## THE PROBLEM
Every entry must be transcribed exactly as written.
##############################
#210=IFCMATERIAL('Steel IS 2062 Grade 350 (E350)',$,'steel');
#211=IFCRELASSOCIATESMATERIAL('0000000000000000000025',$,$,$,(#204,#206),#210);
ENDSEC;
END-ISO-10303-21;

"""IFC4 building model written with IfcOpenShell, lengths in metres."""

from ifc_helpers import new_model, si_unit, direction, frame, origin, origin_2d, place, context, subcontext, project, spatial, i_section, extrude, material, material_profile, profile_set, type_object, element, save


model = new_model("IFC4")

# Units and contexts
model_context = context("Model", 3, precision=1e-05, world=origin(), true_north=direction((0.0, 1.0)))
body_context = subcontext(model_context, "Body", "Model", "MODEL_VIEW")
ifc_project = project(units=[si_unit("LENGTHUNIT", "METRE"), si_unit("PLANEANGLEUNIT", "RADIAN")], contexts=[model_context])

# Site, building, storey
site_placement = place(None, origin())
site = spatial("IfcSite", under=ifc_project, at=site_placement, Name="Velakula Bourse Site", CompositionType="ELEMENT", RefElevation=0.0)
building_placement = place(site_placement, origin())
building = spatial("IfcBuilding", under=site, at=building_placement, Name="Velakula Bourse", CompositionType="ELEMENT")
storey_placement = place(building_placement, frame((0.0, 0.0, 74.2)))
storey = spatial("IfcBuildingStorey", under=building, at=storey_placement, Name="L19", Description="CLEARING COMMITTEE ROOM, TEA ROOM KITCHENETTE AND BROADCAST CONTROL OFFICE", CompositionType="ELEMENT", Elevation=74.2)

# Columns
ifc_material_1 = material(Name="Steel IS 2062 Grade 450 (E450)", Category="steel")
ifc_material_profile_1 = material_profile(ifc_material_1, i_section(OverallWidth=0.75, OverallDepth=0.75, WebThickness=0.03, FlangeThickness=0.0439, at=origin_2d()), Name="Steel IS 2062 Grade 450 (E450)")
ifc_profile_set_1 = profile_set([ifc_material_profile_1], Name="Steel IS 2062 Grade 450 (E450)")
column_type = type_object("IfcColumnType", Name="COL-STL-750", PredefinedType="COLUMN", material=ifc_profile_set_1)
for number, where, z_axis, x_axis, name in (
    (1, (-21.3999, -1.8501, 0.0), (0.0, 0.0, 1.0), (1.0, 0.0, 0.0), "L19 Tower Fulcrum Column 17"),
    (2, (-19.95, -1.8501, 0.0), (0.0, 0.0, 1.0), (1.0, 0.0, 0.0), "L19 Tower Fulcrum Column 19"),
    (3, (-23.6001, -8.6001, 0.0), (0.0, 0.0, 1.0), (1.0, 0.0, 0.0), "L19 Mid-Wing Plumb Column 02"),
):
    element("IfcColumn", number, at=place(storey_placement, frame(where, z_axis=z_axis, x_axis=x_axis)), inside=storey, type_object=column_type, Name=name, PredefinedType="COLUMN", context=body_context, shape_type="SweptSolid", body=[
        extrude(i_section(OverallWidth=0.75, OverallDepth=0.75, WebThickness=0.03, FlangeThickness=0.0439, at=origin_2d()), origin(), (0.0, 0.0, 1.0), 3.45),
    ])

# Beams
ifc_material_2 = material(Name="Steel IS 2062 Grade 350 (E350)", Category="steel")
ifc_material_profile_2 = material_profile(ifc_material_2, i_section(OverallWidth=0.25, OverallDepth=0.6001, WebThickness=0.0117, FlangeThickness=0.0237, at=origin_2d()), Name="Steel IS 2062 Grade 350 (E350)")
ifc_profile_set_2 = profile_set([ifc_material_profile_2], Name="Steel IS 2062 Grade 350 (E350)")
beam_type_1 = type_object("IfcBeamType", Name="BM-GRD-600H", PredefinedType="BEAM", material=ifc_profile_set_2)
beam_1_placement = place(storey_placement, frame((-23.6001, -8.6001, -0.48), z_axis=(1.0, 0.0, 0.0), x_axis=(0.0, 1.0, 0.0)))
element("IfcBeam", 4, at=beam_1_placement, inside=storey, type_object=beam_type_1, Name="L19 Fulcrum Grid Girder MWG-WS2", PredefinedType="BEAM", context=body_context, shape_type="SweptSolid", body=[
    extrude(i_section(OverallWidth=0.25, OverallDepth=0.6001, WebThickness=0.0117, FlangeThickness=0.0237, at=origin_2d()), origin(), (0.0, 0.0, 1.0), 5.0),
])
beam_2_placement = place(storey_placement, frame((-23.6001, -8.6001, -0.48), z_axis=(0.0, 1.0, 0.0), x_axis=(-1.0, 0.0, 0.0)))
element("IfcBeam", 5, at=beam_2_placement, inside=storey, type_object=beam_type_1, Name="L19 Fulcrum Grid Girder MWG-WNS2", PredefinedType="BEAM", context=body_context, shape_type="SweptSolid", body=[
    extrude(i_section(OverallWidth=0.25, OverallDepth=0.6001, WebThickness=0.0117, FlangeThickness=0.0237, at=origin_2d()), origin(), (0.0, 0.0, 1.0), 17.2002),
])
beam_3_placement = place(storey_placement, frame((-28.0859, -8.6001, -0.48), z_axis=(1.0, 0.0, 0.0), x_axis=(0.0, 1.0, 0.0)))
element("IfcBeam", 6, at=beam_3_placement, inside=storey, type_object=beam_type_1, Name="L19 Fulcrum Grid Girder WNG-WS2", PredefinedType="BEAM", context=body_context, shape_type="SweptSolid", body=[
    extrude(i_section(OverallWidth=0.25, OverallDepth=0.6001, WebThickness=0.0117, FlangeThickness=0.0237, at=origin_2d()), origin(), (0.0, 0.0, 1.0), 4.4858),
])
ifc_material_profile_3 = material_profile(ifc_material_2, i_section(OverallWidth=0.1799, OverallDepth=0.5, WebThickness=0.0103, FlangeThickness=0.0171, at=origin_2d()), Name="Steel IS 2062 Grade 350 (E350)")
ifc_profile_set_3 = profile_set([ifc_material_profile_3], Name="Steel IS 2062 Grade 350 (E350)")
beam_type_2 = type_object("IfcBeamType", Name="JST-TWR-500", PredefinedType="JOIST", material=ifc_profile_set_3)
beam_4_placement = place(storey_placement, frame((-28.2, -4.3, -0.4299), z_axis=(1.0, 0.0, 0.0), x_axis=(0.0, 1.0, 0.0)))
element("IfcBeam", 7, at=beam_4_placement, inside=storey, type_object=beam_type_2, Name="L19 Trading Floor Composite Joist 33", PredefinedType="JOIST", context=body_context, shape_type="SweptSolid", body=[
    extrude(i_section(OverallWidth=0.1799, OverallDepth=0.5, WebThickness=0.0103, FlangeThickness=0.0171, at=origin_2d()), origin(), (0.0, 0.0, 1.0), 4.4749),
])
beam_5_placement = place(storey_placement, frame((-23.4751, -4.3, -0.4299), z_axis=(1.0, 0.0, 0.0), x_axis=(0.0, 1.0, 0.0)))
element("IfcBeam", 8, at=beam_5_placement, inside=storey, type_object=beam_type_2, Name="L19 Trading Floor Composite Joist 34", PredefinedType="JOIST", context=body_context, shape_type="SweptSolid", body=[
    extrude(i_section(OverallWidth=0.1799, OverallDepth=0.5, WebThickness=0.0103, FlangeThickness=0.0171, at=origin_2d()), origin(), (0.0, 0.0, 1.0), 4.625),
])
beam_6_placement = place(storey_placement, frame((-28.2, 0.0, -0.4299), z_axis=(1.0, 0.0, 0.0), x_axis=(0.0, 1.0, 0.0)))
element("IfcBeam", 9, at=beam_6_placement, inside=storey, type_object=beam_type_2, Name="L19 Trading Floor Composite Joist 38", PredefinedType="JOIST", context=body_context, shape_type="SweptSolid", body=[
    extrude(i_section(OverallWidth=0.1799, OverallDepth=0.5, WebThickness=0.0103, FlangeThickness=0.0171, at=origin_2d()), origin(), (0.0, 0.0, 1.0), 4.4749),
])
##############################
## WRITTEN ANSWER
#210=IFCMATERIAL('Steel IS 2062 Grade 350 (E350)',$,'steel');
#211=IFCRELASSOCIATESMATERIAL('0000000000000000000025',$,$,$,(#204,#206),#210);
ENDSEC;
END-ISO-10303-21;

"""IFC4 building model written with IfcOpenShell, lengths in metres."""

from ifc_helpers import new_model, si_unit, direction, frame, origin, origin_2d, place, context, subcontext, project, spatial, i_section, extrude, material, material_profile, profile_set, type_object, element, save


model = new_model("IFC4")

# Units and contexts
model_context = context("Model", 3, precision=1e-05, world=origin(), true_north=direction((0.0, 1.0)))
body_context = subcontext(model_context, "Body", "Model", "MODEL_VIEW")
ifc_project = project(units=[si_unit("LENGTHUNIT", "METRE"), si_unit("PLANEANGLEUNIT", "RADIAN")], contexts=[model_context])

# Site, building, storey
site_placement = place(None, origin())
site = spatial("IfcSite", under=ifc_project, at=site_placement, Name="Velakula Bourse Site", CompositionType="ELEMENT", RefElevation=0.0)
building_placement = place(site_placement, origin())
building = spatial("IfcBuilding", under=site, at=building_placement, Name="Velakula Bourse", CompositionType="ELEMENT")
storey_placement = place(building_placement, frame((0.0, 0.0, 74.2)))
storey = spatial("IfcBuildingStorey", under=building, at=storey_placement, Name="L19", Description="CLEARING COMMITTEE ROOM, TEA ROOM KITCHENETTE AND BROADCAST CONTROL OFFICE", CompositionType="ELEMENT", Elevation=74.2)

# Columns
ifc_material_1 = material(Name="Steel IS 2062 Grade 450 (E450)", Category="steel")
ifc_material_profile_1 = material_profile(ifc_material_1, i_section(OverallWidth=0.75, OverallDepth=0.75, WebThickness=0.03, FlangeThickness=0.0439, at=origin_2d()), Name="Steel IS 2062 Grade 450 (E450)")
ifc_profile_set_1 = profile_set([ifc_material_profile_1], Name="Steel IS 2062 Grade 450 (E450)")
column_type = type_object("IfcColumnType", Name="COL-STL-750", PredefinedType="COLUMN", material=ifc_profile_set_1)
for number, where, z_axis, x_axis, name in (
    (1, (-21.3999, -1.8501, 0.0), (0.0, 0.0, 1.0), (1.0, 0.0, 0.0), "L19 Tower Fulcrum Column 17"),
    (2, (-19.95, -1.8501, 0.0), (0.0, 0.0, 1.0), (1.0, 0.0, 0.0), "L19 Tower Fulcrum Column 19"),
    (3, (-23.6001, -8.6001, 0.0), (0.0, 0.0, 1.0), (1.0, 0.0, 0.0), "L19 Mid-Wing Plumb Column 02"),
):
    element("IfcColumn", number, at=place(storey_placement, frame(where, z_axis=z_axis, x_axis=x_axis)), inside=storey, type_object=column_type, Name=name, PredefinedType="COLUMN", context=body_context, shape_type="SweptSolid", body=[
        extrude(i_section(OverallWidth=0.75, OverallDepth=0.75, WebThickness=0.03, FlangeThickness=0.0439, at=origin_2d()), origin(), (0.0, 0.0, 1.0), 3.45),
    ])

# Beams
ifc_material_2 = material(Name="Steel IS 2062 Grade 350 (E350)", Category="steel")
ifc_material_profile_2 = material_profile(ifc_material_2, i_section(OverallWidth=0.25, OverallDepth=0.6001, WebThickness=0.0117, FlangeThickness=0.0237, at=origin_2d()), Name="Steel IS 2062 Grade 350 (E350)")
ifc_profile_set_2 = profile_set([ifc_material_profile_2], Name="Steel IS 2062 Grade 350 (E350)")
beam_type_1 = type_object("IfcBeamType", Name="BM-GRD-600H", PredefinedType="BEAM", material=ifc_profile_set_2)
beam_1_placement = place(storey_placement, frame((-23.6001, -8.6001, -0.48), z_axis=(1.0, 0.0, 0.0), x_axis=(0.0, 1.0, 0.0)))
element("IfcBeam", 4, at=beam_1_placement, inside=storey, type_object=beam_type_1, Name="L19 Fulcrum Grid Girder MWG-WS2", PredefinedType="BEAM", context=body_context, shape_type="SweptSolid", body=[
    extrude(i_section(OverallWidth=0.25, OverallDepth=0.6001, WebThickness=0.0117, FlangeThickness=0.0237, at=origin_2d()), origin(), (0.0, 0.0, 1.0), 5.0),
])
beam_2_placement = place(storey_placement, frame((-23.6001, -8.6001, -0.48), z_axis=(0.0, 1.0, 0.0), x_axis=(-1.0, 0.0, 0.0)))
element("IfcBeam", 5, at=beam_2_placement, inside=storey, type_object=beam_type_1, Name="L19 Fulcrum Grid Girder MWG-WNS2", PredefinedType="BEAM", context=body_context, shape_type="SweptSolid", body=[
    extrude(i_section(OverallWidth=0.25, OverallDepth=0.6001, WebThickness=0.0117, FlangeThickness=0.0237, at=origin_2d()), origin(), (0.0, 0.0, 1.0), 17.2002),
])
beam_3_placement = place(storey_placement, frame((-28.0859, -8.6001, -0.48), z_axis=(1.0, 0.0, 0.0), x_axis=(0.0, 1.0, 0.0)))
element("IfcBeam", 6, at=beam_3_placement, inside=storey, type_object=beam_type_1, Name="L19 Fulcrum Grid Girder WNG-WS2", PredefinedType="BEAM", context=body_context, shape_type="SweptSolid", body=[
    extrude(i_section(OverallWidth=0.25, OverallDepth=0.6001, WebThickness=0.0117, FlangeThickness=0.0237, at=origin_2d()), origin(), (0.0, 0.0, 1.0), 4.4858),
])
ifc_material_profile_3 = material_profile(ifc_material_2, i_section(OverallWidth=0.1799, OverallDepth=0.5, WebThickness=0.0103, FlangeThickness=0.0171, at=origin_2d()), Name="Steel IS 2062 Grade 350 (E350)")
ifc_profile_set_3 = profile_set([ifc_material_profile_3], Name="Steel IS 2062 Grade 350 (E350)")
beam_type_2 = type_object("IfcBeamType", Name="JST-TWR-500", PredefinedType="JOIST", material=ifc_profile_set_3)
beam_4_placement = place(storey_placement, frame((-28.2, -4.3, -0.4299), z_axis=(1.0, 0.0, 0.0), x_axis=(0.0, 1.0, 0.0)))
element("IfcBeam", 7, at=beam_4_placement, inside=storey, type_object=beam_type_2, Name="L19 Trading Floor Composite Joist 33", PredefinedType="JOIST", context=body_context, shape_type="SweptSolid", body=[
    extrude(i_section(OverallWidth=0.1799, OverallDepth=0.5, WebThickness=0.0103, FlangeThickness=0.0171, at=origin_2d()), origin(), (0.0, 0.0, 1.0), 4.4749),
])
beam_5_placement = place(storey_placement, frame((-23.4751, -4.3, -0.4299), z_axis=(1.0, 0.0, 0.0), x_axis=(0.0, 1.0, 0.0)))
element("IfcBeam", 8, at=beam_5_placement, inside=storey, type_object=beam_type_2, Name="L19 Trading Floor Composite Joist 34", PredefinedType="JOIST", context=body_context, shape_type="SweptSolid", body=[
    extrude(i_section(OverallWidth=0.1799, OverallDepth=0.5, WebThickness=0.0103, FlangeThickness=0.0171, at=origin_2d()), origin(), (0.0, 0.0, 1.0), 4.625),
])
beam_6_placement = place(storey_placement, frame((-28.2, 0.0, -0.4299), z_axis=(1.0, 0.0, 0.0), x_axis=(0.0, 1.0, 0.0)))
element("IfcBeam", 9, at=beam_6_placement, inside=storey, type_object=beam_type_2, Name="L19 Trading Floor Composite Joist 38", PredefinedType="JOIST", context=body_context, shape_type="SweptSolid", body=[
    extrude(i_section(OverallWidth=0.1799, OverallDepth=0.5, WebThickness=0.0103, FlangeThickness=0.0171, at=origin_2d()), origin(), (0.0, 0.0, 1.0), 4.4749),
])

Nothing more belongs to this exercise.